* _MATERIAL PROVIDED_

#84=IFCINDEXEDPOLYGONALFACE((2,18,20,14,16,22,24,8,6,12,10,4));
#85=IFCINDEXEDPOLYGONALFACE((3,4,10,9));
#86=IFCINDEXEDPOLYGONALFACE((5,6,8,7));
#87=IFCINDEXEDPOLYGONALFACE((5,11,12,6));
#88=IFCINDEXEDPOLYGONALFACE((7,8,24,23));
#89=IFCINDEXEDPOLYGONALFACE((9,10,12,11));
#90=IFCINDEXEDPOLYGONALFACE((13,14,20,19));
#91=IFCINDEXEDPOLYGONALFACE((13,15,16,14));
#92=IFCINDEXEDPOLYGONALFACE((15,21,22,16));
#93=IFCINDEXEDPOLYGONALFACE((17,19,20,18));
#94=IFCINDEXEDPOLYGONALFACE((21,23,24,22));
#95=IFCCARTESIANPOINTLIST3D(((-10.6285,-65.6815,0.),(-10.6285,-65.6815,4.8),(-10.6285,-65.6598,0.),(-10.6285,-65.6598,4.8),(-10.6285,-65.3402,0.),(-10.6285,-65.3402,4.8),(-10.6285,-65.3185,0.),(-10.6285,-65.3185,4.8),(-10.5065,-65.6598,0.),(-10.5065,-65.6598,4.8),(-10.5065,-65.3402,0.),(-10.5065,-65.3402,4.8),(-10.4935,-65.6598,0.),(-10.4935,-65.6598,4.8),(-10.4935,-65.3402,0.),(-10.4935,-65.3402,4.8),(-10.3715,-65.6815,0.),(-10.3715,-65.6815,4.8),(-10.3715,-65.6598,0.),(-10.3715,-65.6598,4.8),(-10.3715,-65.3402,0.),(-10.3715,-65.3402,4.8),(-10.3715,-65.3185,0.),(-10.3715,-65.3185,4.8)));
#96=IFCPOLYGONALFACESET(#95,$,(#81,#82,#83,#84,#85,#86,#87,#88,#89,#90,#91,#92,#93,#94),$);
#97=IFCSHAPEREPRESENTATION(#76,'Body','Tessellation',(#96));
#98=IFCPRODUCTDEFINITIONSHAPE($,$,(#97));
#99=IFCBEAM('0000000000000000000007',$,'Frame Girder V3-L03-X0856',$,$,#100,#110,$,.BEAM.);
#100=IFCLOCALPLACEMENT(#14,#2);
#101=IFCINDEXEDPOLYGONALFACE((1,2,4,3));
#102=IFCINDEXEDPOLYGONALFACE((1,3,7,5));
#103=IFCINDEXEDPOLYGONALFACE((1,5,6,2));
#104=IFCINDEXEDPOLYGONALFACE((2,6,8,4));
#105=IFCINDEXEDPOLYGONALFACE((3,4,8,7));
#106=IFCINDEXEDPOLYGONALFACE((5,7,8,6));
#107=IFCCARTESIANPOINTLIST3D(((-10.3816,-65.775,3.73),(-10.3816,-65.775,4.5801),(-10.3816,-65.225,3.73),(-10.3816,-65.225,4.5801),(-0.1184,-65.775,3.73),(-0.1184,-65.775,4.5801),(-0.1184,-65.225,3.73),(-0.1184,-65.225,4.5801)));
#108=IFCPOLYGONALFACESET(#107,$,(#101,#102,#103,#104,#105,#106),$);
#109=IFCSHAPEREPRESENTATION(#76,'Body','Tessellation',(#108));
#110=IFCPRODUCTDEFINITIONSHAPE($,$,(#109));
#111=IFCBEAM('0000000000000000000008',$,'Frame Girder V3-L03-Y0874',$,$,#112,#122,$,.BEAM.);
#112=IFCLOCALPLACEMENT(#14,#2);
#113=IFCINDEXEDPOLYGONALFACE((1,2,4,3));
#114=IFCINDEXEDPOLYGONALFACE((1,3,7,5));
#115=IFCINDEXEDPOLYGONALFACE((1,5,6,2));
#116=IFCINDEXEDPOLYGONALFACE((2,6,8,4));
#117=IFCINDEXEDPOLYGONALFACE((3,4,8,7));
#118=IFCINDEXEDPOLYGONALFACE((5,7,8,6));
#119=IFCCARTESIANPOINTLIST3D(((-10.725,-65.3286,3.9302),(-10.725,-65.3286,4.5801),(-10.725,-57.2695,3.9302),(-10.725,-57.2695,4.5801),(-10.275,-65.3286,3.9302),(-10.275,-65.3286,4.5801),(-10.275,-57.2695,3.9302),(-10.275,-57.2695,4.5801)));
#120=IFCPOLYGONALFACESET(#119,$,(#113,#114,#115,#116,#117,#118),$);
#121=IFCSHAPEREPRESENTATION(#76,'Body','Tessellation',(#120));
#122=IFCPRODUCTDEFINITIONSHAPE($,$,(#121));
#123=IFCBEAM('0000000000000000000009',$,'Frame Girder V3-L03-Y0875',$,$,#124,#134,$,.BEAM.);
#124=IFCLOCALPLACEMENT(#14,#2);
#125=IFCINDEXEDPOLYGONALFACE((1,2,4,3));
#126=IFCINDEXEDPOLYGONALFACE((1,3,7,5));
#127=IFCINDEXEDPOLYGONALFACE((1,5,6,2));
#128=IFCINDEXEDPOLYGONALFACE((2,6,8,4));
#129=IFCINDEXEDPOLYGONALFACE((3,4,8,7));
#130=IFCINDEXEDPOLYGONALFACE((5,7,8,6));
* * *
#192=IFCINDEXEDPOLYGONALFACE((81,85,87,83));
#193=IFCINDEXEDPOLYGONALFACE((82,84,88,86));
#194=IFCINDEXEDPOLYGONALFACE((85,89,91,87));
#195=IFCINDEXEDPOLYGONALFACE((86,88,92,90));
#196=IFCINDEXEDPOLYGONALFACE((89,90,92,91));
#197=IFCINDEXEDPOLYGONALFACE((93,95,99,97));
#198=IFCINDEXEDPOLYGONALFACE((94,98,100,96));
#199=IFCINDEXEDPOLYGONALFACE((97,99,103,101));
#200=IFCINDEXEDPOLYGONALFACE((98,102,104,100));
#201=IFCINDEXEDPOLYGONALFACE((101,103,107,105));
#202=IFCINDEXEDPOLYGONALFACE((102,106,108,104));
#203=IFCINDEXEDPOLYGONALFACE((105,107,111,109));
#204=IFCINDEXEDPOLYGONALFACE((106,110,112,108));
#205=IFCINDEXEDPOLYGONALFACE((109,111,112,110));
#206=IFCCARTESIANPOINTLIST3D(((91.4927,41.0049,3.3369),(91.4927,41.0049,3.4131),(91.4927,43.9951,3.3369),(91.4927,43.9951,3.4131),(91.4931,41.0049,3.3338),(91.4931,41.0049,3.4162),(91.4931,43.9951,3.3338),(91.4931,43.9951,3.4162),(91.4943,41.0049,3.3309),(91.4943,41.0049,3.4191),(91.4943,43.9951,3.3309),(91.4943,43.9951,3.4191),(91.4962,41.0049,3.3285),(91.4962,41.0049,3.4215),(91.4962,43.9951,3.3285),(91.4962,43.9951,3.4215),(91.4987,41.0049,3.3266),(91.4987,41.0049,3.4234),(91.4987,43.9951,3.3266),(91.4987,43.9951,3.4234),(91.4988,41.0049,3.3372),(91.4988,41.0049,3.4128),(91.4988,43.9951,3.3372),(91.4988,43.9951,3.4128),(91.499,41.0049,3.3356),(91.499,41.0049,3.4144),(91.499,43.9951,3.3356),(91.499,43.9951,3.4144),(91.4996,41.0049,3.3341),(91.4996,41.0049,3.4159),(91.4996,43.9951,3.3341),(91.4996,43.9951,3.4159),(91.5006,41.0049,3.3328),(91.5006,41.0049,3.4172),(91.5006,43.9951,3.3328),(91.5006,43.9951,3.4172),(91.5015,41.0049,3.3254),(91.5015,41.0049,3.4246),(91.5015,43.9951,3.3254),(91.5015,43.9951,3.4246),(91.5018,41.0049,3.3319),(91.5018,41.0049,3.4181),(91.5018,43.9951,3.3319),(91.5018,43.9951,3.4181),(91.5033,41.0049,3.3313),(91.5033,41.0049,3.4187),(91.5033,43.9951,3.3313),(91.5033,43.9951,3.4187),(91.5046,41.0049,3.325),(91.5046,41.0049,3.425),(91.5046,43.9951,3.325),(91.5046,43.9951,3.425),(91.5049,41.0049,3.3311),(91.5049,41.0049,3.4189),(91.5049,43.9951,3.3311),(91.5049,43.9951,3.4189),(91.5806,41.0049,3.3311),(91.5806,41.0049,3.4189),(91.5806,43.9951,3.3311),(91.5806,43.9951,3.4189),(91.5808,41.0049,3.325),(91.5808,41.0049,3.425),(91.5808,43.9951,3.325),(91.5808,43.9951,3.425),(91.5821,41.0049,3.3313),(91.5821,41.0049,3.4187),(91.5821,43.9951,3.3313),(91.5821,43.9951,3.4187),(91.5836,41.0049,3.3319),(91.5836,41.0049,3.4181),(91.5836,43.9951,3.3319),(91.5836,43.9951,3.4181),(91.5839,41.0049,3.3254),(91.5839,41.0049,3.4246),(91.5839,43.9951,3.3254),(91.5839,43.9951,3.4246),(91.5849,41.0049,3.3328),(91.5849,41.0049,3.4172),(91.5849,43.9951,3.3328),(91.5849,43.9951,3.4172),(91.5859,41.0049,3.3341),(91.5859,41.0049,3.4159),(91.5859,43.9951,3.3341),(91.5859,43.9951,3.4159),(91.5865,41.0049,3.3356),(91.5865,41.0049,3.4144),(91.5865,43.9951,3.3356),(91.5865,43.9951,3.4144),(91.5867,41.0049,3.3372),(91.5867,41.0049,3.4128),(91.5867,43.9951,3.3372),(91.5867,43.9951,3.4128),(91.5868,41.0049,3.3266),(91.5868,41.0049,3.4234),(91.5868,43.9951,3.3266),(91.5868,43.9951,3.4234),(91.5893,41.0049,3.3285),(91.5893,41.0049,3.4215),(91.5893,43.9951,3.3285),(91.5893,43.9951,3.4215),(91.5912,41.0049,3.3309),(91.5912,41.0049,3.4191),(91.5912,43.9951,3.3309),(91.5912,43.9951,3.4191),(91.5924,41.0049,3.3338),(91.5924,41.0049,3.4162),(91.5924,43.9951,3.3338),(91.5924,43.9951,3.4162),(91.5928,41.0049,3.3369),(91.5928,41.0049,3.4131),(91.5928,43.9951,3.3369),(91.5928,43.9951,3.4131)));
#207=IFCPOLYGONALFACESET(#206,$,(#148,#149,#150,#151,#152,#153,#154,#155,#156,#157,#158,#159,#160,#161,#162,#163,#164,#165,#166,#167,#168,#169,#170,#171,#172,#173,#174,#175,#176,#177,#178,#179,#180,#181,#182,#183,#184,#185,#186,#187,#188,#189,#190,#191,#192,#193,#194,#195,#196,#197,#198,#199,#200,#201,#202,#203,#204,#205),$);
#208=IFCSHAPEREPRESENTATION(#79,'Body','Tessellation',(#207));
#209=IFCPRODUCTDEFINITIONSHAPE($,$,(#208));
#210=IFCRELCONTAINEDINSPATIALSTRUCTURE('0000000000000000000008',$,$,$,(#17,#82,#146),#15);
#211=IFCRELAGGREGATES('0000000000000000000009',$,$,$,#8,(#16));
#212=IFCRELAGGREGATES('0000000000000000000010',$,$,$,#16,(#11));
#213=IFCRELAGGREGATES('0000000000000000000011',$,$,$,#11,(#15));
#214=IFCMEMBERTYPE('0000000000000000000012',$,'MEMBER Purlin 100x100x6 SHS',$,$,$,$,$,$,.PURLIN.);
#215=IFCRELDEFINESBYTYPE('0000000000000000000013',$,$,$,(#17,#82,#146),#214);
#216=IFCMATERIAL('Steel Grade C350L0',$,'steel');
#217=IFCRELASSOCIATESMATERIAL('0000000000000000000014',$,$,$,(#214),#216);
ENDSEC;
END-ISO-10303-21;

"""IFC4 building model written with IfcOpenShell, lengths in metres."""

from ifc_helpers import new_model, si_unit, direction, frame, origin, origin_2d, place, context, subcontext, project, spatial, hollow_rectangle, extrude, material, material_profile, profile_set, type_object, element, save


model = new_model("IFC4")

* _EXERCISE BRIEF_
The range runs from the line with "#200=IFCINDEXEDPOLYGONALFACE((98,102,104,100));" up to and including the line with "#205=IFCINDEXEDPOLYGONALFACE((109,111,112,110));" in the listing above; please write out exactly those lines and nothing more.

* _ANSWER TO THIS PROBLEM_
#200=IFCINDEXEDPOLYGONALFACE((98,102,104,100));
#201=IFCINDEXEDPOLYGONALFACE((101,103,107,105));
#202=IFCINDEXEDPOLYGONALFACE((102,106,108,104));
#203=IFCINDEXEDPOLYGONALFACE((105,107,111,109));
#204=IFCINDEXEDPOLYGONALFACE((106,110,112,108));
#205=IFCINDEXEDPOLYGONALFACE((109,111,112,110));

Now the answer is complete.